- **GOAL OF THE EXERCISE**: Below are records; report how many of their lines contain the word "IFCRELAGGREGATES", giving only the number.

Dataset entries:

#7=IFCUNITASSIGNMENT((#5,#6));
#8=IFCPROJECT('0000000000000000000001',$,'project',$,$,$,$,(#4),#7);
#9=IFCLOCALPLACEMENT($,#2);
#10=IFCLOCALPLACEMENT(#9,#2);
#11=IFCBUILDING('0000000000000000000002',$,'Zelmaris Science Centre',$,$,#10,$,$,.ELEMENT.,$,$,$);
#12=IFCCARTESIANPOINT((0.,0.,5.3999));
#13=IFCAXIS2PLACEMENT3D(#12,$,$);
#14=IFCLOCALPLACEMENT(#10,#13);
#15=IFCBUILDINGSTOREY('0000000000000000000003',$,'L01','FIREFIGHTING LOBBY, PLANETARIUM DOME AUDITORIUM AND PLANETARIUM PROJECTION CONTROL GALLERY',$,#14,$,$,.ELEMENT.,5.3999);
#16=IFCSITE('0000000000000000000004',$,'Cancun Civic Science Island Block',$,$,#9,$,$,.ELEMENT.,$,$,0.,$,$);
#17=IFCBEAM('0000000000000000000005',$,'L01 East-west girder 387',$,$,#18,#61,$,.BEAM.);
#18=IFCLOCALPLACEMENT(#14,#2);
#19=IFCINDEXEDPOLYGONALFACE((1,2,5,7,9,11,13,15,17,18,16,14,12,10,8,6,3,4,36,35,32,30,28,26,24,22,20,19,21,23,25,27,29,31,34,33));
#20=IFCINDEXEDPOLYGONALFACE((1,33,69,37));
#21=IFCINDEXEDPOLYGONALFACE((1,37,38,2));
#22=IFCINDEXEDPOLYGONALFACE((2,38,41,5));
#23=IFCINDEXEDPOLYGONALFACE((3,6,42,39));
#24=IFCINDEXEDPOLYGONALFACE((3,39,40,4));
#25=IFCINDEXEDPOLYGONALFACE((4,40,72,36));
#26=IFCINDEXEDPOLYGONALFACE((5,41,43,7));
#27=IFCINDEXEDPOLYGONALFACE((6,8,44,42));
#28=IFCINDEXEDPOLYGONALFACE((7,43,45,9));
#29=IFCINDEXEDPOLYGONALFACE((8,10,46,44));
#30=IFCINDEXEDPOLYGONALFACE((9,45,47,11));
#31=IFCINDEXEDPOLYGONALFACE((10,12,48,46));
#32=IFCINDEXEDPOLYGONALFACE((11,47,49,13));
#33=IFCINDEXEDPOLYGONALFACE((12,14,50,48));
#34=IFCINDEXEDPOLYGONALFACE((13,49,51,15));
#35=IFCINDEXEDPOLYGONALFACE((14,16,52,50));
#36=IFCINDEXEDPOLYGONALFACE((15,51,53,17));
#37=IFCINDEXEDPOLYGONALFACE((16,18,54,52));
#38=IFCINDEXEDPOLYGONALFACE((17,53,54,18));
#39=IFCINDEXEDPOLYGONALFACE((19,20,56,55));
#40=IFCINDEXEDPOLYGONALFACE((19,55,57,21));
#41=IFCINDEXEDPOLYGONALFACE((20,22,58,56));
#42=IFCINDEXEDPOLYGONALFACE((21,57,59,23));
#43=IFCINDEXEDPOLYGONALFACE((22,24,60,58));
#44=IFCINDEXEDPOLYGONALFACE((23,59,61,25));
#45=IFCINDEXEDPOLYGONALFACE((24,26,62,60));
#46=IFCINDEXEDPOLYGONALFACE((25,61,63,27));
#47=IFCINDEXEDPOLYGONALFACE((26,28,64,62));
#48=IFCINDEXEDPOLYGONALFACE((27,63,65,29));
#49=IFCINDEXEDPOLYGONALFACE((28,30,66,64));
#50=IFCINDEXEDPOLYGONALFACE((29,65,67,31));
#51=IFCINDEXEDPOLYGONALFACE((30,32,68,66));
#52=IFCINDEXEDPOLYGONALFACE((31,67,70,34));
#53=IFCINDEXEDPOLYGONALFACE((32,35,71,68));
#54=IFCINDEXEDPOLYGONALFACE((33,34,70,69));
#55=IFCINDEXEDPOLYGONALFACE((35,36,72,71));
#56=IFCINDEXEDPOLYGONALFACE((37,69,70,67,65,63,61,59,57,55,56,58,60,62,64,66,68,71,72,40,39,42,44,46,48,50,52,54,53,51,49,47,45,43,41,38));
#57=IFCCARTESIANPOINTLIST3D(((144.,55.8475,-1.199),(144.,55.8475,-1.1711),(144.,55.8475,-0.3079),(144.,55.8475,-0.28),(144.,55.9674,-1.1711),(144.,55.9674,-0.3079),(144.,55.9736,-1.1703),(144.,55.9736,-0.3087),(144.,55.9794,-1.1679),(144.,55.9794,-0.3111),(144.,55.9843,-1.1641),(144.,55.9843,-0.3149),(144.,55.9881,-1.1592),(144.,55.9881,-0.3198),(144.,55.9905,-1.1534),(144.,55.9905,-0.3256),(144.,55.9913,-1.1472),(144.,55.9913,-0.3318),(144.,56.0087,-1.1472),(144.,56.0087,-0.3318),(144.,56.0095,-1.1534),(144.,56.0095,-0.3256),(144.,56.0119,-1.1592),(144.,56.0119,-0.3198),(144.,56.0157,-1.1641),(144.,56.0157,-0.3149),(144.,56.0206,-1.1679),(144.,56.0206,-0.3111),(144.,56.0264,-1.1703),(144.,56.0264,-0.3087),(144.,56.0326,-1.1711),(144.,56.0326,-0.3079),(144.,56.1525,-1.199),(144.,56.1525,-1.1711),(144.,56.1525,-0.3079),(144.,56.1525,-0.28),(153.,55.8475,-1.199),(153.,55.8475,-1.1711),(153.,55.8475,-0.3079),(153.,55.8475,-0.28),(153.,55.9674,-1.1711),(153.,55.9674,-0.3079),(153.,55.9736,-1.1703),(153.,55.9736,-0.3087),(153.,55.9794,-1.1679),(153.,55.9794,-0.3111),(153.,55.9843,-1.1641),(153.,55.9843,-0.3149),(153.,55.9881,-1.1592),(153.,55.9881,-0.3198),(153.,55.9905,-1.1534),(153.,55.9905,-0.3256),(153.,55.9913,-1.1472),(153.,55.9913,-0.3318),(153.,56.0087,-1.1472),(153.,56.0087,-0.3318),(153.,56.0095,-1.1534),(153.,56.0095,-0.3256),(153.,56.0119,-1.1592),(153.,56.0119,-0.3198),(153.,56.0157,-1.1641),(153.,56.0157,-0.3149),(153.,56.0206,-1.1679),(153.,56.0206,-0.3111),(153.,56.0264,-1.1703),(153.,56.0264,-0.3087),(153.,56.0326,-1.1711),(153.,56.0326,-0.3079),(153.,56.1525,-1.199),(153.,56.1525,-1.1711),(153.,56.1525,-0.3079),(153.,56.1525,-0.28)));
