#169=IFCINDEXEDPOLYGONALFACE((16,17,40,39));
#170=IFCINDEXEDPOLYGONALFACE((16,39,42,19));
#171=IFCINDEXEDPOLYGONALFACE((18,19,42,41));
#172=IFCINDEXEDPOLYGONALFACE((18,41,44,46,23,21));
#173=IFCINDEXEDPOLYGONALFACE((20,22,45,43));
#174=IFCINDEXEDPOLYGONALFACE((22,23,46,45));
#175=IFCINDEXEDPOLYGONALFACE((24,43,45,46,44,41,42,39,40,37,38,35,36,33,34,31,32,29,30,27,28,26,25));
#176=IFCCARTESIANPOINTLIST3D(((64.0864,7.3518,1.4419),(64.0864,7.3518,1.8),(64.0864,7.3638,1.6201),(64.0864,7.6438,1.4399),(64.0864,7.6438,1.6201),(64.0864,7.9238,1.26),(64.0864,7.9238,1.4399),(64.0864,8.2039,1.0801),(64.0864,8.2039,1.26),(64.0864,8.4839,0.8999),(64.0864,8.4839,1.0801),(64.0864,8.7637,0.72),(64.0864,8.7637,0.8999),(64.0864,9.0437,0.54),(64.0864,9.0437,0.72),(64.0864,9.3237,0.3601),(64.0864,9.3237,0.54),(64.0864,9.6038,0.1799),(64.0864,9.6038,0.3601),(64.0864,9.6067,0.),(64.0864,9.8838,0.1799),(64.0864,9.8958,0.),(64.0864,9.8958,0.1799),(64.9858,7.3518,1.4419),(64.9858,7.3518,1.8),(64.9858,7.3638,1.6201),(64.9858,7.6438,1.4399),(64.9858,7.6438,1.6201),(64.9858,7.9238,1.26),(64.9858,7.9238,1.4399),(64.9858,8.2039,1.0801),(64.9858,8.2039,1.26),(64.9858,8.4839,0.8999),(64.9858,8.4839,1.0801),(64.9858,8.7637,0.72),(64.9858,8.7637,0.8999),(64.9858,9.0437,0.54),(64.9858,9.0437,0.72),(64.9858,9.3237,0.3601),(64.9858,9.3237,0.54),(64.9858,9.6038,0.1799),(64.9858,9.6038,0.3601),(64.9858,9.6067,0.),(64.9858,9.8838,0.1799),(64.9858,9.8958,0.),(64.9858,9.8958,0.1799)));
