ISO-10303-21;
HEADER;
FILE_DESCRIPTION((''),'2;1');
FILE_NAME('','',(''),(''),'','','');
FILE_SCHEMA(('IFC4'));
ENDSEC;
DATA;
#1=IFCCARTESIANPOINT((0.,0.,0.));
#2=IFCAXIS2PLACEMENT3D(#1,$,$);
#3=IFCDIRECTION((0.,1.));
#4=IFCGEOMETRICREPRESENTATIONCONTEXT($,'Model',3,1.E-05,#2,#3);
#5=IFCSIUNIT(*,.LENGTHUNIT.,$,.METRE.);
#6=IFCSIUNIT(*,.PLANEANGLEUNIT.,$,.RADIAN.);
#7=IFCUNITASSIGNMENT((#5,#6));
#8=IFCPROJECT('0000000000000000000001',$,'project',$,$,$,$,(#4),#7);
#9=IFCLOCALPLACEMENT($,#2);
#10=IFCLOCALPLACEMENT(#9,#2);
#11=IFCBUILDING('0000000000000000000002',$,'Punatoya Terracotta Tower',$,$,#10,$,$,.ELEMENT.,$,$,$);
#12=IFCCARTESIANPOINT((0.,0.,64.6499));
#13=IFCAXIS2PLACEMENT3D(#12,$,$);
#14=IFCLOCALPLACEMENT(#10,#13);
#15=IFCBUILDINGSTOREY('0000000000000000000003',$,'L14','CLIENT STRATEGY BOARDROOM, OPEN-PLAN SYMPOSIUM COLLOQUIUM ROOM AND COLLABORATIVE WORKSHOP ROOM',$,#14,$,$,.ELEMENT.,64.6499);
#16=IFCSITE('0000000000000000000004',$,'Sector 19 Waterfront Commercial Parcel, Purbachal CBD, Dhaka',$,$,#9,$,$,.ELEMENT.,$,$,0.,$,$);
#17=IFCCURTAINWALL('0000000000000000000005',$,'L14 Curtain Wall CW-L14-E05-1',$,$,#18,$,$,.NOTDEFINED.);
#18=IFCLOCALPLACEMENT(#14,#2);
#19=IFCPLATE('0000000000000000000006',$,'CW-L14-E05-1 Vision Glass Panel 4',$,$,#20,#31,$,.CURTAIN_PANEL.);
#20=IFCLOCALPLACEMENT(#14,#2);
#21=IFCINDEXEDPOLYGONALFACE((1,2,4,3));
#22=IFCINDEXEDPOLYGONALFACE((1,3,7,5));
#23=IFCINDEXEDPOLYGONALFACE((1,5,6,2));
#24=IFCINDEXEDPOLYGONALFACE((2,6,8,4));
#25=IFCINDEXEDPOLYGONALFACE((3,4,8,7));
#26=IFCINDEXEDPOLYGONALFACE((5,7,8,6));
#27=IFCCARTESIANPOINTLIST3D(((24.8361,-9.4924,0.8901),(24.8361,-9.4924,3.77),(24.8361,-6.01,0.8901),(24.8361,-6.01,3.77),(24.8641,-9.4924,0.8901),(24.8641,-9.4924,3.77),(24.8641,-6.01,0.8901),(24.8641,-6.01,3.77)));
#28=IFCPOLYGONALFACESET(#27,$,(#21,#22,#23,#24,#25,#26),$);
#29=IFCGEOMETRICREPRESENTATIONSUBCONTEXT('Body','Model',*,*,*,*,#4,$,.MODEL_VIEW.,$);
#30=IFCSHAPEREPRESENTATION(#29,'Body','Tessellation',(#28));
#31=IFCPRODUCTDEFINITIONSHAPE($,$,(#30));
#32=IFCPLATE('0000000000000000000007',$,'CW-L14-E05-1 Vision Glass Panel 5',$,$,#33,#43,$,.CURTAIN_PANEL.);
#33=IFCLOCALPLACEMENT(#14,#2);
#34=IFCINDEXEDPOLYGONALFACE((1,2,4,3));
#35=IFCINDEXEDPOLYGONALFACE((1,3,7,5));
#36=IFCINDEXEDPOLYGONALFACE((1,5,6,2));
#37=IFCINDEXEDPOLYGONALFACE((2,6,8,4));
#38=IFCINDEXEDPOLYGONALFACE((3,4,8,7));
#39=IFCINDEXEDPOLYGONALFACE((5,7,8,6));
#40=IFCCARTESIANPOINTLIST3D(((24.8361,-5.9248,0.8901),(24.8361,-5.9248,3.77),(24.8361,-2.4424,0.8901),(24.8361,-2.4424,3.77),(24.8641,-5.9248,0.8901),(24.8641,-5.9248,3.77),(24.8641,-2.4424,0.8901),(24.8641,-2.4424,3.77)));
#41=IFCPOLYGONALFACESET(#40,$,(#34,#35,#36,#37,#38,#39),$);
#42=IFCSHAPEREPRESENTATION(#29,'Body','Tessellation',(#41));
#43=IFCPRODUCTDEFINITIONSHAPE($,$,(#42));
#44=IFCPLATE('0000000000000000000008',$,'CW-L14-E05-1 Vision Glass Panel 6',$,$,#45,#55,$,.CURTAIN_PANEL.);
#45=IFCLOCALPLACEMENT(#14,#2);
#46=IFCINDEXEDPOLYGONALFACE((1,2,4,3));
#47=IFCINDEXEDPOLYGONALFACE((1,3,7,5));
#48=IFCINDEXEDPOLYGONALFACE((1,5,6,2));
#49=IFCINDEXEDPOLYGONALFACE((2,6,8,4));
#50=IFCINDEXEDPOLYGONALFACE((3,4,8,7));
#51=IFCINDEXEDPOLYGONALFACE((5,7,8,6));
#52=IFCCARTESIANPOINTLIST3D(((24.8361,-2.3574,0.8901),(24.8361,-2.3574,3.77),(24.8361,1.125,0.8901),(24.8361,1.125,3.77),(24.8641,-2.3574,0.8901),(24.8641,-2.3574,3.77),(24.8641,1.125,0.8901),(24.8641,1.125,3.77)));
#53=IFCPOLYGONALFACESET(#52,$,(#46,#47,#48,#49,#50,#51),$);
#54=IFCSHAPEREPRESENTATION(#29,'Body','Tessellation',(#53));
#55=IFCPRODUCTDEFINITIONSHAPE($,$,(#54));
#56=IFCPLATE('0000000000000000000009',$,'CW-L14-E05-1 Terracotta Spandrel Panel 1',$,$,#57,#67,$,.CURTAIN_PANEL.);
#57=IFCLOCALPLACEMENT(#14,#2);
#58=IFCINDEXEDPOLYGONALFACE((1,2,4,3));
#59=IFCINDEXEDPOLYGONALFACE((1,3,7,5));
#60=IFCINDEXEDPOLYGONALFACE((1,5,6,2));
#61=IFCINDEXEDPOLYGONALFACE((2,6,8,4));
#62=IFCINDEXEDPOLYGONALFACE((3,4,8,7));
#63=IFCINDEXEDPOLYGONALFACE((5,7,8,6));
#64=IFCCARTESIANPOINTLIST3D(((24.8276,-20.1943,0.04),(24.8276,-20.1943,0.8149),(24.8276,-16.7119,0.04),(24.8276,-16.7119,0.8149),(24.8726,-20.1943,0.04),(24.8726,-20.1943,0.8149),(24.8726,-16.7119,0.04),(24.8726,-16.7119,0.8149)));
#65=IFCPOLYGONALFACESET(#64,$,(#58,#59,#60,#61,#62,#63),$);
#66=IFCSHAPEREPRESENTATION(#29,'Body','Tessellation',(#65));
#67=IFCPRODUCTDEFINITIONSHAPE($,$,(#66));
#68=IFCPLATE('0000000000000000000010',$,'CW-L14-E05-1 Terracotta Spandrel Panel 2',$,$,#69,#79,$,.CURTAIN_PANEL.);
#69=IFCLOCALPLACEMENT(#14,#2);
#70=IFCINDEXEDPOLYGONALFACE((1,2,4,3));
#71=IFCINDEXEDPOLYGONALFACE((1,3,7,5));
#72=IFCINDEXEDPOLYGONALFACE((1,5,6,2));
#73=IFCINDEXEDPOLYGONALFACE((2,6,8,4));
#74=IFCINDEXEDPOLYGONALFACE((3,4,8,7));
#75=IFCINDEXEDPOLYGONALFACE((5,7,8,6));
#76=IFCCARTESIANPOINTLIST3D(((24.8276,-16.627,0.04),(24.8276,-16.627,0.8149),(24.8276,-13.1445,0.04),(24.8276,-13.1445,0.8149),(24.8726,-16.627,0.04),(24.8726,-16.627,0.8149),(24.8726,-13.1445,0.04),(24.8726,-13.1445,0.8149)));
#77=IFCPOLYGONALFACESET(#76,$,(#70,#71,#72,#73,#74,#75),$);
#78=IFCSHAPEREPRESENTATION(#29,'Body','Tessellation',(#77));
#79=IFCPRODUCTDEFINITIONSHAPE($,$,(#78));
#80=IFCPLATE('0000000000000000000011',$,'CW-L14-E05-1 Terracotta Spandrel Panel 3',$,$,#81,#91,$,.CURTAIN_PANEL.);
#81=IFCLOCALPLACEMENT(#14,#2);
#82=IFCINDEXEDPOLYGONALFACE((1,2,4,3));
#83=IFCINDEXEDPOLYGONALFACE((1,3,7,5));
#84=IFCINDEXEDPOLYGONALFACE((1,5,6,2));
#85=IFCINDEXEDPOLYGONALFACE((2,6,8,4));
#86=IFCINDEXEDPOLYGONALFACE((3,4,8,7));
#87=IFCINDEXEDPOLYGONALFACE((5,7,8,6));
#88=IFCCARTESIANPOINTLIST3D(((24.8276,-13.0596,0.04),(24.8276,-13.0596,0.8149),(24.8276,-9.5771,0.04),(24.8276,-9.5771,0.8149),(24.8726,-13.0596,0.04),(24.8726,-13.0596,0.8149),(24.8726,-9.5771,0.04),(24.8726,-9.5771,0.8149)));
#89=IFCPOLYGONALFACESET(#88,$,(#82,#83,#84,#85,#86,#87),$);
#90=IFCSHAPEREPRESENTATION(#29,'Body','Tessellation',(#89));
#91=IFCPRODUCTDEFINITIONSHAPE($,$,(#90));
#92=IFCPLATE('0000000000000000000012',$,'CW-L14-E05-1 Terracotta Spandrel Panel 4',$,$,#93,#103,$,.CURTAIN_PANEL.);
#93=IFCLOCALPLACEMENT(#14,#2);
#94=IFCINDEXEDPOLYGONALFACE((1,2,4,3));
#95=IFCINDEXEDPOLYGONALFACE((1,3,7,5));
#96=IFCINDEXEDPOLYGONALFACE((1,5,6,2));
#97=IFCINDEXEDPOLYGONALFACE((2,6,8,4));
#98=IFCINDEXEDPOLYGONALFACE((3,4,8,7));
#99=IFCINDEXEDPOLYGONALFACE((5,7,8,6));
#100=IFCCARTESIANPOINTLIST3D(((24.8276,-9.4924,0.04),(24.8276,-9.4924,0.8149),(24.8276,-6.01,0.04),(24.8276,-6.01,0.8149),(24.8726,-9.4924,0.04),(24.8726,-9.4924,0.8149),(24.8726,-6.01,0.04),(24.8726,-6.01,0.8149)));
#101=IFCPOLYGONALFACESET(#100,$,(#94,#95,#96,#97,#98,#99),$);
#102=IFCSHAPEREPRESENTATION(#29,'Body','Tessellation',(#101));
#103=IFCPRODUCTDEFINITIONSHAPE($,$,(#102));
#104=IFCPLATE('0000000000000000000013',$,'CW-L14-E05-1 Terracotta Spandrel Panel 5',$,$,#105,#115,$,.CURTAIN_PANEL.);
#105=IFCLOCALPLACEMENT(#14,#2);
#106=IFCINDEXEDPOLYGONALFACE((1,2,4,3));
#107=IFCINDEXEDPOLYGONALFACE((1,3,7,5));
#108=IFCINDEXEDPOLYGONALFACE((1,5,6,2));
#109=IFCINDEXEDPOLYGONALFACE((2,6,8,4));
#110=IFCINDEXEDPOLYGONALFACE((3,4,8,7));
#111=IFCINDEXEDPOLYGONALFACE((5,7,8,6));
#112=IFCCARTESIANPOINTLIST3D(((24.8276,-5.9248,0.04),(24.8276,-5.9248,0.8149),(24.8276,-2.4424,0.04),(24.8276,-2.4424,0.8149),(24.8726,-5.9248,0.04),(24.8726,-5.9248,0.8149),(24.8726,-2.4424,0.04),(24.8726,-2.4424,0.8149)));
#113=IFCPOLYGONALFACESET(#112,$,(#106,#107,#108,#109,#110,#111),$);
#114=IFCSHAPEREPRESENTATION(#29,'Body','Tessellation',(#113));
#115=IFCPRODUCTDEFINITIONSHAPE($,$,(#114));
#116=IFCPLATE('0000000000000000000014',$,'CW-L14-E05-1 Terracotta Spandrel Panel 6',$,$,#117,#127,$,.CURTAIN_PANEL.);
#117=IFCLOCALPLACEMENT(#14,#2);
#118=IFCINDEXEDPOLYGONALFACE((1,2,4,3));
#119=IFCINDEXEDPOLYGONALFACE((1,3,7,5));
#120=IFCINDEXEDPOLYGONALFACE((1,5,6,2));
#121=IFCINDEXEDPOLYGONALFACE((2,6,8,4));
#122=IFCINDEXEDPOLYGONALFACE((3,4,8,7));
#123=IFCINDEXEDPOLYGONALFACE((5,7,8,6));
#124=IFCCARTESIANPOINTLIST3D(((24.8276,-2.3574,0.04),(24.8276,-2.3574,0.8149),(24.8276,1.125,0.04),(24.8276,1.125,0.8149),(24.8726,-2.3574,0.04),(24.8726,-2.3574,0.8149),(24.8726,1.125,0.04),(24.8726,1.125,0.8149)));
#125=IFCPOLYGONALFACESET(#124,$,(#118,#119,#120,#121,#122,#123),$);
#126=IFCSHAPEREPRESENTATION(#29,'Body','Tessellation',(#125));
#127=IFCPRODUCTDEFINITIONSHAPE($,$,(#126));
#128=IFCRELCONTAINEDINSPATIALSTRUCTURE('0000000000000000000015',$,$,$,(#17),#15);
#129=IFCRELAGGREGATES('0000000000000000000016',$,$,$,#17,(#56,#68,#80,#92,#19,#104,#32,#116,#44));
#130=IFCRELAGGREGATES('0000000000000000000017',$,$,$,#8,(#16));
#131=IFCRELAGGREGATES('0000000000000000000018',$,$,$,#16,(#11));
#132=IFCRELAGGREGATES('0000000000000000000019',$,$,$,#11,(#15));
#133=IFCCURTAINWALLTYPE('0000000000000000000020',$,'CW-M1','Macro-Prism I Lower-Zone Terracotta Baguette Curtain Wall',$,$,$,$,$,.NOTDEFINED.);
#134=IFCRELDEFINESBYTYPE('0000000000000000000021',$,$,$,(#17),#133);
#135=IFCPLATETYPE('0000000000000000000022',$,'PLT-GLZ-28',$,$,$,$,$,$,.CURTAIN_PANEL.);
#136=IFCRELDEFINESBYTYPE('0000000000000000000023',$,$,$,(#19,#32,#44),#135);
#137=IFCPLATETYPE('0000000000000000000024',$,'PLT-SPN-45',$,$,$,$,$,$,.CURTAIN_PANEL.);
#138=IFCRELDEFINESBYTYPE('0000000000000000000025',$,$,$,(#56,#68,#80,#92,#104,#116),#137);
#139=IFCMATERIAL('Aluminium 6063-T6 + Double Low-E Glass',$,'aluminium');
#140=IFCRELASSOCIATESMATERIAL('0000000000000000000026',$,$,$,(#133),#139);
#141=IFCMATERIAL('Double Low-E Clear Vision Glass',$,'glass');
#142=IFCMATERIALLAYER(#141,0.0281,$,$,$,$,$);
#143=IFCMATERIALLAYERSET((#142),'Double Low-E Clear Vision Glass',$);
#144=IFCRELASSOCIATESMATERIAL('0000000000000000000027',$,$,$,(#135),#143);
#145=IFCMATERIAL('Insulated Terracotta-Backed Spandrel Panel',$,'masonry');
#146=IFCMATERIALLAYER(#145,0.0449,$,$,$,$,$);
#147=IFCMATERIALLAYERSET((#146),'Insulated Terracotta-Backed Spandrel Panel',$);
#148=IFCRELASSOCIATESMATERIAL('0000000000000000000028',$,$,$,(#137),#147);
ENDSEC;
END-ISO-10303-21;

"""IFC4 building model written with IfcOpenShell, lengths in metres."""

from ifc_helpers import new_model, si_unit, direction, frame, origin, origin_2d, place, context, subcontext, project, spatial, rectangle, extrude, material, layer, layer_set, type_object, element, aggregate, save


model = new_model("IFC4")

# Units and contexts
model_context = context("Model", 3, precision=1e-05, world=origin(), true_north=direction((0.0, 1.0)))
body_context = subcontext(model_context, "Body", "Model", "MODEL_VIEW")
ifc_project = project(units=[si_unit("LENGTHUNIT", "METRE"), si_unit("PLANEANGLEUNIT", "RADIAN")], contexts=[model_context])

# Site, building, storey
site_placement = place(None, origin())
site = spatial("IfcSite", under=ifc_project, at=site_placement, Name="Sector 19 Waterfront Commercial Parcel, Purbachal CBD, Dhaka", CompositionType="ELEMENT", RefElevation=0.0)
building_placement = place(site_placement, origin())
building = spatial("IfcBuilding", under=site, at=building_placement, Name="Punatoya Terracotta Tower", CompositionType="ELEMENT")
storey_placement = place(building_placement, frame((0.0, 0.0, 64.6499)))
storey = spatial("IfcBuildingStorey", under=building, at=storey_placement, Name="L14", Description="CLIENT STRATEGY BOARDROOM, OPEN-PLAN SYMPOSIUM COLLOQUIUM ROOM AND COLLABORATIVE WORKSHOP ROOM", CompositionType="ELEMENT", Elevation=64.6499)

- **WORKED SOLUTION**: 4